# [Dataset content]
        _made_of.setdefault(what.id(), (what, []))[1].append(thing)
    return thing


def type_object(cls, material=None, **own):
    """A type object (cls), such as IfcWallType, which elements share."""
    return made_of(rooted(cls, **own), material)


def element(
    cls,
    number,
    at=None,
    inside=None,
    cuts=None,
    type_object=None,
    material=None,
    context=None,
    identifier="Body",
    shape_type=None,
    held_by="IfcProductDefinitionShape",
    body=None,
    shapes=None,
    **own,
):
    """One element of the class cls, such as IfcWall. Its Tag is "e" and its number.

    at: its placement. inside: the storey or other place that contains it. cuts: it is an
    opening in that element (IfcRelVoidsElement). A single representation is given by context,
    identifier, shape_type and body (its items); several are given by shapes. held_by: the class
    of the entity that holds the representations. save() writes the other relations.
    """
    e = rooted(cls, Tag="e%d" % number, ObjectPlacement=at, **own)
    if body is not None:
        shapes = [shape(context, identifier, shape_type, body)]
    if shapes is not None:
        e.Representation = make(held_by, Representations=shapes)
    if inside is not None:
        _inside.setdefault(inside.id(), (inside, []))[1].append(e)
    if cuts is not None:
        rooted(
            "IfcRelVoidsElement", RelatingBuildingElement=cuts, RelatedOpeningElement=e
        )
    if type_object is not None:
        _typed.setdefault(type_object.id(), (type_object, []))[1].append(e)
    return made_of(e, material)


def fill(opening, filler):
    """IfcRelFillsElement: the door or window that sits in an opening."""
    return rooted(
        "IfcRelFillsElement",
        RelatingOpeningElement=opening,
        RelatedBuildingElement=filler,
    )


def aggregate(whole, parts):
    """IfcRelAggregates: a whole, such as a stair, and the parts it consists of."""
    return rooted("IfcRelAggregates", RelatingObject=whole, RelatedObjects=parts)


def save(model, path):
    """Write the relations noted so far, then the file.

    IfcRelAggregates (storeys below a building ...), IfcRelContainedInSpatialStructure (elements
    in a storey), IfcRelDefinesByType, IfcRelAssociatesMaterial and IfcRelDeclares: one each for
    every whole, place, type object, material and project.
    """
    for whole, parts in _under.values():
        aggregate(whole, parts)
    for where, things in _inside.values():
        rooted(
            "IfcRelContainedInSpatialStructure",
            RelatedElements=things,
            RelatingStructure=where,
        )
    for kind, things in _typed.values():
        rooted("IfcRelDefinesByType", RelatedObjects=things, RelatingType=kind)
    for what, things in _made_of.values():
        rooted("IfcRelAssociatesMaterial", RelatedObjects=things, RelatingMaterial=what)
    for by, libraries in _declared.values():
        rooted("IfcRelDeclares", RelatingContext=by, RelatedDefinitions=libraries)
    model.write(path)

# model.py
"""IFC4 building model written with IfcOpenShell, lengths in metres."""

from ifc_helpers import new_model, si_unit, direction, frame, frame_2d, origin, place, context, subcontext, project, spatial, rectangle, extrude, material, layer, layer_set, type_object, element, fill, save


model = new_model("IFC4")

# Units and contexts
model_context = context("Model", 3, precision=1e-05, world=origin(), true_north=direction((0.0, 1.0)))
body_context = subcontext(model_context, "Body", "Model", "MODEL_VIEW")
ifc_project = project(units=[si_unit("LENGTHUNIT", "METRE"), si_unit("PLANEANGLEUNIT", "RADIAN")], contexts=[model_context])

# [What to produce]
Write out the listing exactly from its first line to the line containing "if type_object is". Both of those lines belong in the answer.

# [Answer space]
        _made_of.setdefault(what.id(), (what, []))[1].append(thing)
    return thing


def type_object(cls, material=None, **own):
    """A type object (cls), such as IfcWallType, which elements share."""
    return made_of(rooted(cls, **own), material)


def element(
    cls,
    number,
    at=None,
    inside=None,
    cuts=None,
    type_object=None,
    material=None,
    context=None,
    identifier="Body",
    shape_type=None,
    held_by="IfcProductDefinitionShape",
    body=None,
    shapes=None,
    **own,
):
    """One element of the class cls, such as IfcWall. Its Tag is "e" and its number.

    at: its placement. inside: the storey or other place that contains it. cuts: it is an
    opening in that element (IfcRelVoidsElement). A single representation is given by context,
    identifier, shape_type and body (its items); several are given by shapes. held_by: the class
    of the entity that holds the representations. save() writes the other relations.
    """
    e = rooted(cls, Tag="e%d" % number, ObjectPlacement=at, **own)
    if body is not None:
        shapes = [shape(context, identifier, shape_type, body)]
    if shapes is not None:
        e.Representation = make(held_by, Representations=shapes)
    if inside is not None:
        _inside.setdefault(inside.id(), (inside, []))[1].append(e)
    if cuts is not None:
        rooted(
            "IfcRelVoidsElement", RelatingBuildingElement=cuts, RelatedOpeningElement=e
        )
    if type_object is not None:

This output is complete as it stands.